Print nothing except the lines of the listing below from the line with "#141=IFCINDEXEDPOLYGONALFACE((101,103,107,105));" to the line with "#145=IFCINDEXEDPOLYGONALFACE((109,111,112,110));", each exactly as written, both ends included.

# # #

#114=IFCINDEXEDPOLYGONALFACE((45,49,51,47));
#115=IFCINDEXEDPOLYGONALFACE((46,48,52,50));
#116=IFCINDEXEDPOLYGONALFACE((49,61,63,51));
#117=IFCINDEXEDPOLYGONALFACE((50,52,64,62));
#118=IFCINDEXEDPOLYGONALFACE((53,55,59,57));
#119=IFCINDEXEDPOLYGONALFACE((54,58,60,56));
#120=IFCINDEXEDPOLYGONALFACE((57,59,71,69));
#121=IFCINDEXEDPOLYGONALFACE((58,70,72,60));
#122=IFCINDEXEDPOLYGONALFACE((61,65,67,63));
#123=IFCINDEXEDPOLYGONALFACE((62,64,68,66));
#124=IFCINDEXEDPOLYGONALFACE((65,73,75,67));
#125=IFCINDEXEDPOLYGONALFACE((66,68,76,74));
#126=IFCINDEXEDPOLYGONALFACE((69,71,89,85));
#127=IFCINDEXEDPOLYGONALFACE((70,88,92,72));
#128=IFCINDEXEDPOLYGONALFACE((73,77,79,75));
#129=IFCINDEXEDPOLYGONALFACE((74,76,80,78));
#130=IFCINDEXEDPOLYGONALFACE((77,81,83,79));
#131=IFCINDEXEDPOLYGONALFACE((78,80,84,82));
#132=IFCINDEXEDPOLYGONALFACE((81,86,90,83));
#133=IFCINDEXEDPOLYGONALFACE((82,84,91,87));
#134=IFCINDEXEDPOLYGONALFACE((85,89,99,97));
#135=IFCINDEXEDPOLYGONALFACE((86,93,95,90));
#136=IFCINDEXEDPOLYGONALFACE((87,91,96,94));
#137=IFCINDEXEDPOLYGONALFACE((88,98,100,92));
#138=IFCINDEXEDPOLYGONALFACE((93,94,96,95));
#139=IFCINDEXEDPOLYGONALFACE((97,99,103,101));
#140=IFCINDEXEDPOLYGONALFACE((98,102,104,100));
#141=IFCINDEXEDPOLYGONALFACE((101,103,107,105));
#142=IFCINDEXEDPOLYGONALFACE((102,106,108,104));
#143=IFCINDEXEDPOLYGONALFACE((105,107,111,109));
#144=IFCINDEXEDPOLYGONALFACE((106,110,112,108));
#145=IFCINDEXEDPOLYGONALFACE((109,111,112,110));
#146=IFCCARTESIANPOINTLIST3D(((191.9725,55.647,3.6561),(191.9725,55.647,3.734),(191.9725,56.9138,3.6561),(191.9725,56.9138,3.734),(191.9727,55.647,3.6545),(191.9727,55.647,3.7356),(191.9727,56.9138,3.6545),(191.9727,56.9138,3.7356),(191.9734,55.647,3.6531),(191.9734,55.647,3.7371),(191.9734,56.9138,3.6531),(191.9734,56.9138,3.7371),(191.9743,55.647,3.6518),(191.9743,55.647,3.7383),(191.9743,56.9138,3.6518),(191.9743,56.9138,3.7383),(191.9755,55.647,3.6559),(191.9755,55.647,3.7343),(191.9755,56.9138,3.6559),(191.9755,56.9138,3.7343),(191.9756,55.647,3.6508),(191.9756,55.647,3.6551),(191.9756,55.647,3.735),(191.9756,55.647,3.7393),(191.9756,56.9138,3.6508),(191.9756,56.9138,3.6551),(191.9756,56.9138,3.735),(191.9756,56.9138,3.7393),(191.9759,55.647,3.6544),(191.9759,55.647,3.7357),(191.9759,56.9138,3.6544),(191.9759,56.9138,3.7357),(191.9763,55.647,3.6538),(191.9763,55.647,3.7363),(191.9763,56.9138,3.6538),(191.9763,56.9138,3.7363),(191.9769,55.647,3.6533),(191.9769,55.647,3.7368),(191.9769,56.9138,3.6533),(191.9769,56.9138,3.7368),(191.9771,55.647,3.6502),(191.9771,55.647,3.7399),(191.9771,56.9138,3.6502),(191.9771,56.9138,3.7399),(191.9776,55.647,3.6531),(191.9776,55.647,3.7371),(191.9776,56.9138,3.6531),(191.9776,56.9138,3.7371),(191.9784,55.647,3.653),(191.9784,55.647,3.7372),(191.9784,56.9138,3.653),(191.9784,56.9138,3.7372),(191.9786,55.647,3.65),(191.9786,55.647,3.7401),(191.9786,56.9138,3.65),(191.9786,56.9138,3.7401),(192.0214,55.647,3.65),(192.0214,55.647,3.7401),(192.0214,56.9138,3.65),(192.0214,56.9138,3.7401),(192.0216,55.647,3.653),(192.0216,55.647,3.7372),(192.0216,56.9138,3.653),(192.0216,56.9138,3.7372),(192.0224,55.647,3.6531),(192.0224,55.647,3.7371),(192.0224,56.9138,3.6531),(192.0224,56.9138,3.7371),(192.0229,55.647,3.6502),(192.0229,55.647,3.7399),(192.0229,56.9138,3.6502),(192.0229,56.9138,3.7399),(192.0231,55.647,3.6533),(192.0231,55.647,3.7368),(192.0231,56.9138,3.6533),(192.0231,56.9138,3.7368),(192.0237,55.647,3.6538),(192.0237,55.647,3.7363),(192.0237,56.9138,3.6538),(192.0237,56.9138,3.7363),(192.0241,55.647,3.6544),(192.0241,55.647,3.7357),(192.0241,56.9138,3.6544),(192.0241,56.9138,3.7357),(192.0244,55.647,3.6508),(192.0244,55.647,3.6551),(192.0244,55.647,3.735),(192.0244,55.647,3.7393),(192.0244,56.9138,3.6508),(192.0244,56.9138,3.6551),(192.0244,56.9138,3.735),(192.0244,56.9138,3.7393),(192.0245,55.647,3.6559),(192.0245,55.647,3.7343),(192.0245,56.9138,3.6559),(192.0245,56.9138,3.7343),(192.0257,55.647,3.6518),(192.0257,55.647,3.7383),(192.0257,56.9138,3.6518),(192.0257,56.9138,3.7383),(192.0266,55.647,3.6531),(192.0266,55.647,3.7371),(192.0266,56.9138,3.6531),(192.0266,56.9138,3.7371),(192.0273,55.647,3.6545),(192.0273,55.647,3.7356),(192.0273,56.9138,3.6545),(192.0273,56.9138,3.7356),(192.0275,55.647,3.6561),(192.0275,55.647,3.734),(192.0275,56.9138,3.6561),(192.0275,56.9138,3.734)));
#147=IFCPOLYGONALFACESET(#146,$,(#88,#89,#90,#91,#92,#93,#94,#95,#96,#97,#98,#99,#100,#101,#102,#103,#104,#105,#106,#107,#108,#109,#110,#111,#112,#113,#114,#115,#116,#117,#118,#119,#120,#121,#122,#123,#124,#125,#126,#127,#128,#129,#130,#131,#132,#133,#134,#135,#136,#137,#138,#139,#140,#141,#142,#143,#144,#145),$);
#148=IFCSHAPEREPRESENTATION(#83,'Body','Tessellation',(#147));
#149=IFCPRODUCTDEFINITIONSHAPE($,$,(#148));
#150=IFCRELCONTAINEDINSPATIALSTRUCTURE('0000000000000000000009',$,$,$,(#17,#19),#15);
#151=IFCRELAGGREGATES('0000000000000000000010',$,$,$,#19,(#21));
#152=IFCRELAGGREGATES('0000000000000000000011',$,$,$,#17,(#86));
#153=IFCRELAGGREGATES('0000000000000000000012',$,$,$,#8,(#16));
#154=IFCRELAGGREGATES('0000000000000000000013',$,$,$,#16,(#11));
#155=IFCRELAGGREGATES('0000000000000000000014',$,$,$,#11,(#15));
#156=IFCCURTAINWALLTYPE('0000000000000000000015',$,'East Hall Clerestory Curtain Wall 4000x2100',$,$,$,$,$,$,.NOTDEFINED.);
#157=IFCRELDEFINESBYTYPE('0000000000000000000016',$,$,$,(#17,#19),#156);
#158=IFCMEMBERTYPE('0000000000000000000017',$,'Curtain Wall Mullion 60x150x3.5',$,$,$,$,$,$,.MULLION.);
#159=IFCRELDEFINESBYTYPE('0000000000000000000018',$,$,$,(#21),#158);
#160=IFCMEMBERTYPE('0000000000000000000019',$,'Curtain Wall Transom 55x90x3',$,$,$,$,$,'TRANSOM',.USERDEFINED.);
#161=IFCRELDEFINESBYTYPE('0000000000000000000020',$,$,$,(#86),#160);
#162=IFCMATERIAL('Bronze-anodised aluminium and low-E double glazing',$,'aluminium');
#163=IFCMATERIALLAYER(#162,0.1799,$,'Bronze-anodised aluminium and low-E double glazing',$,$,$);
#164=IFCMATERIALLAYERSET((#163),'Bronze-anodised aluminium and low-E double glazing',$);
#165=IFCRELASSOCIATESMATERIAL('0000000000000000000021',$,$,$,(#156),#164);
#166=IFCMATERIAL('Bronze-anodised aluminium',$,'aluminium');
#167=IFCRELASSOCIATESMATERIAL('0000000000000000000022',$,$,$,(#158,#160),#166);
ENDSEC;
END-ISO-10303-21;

# # #

YOUR RESPONSE:
#141=IFCINDEXEDPOLYGONALFACE((101,103,107,105));
#142=IFCINDEXEDPOLYGONALFACE((102,106,108,104));
#143=IFCINDEXEDPOLYGONALFACE((105,107,111,109));
#144=IFCINDEXEDPOLYGONALFACE((106,110,112,108));
#145=IFCINDEXEDPOLYGONALFACE((109,111,112,110));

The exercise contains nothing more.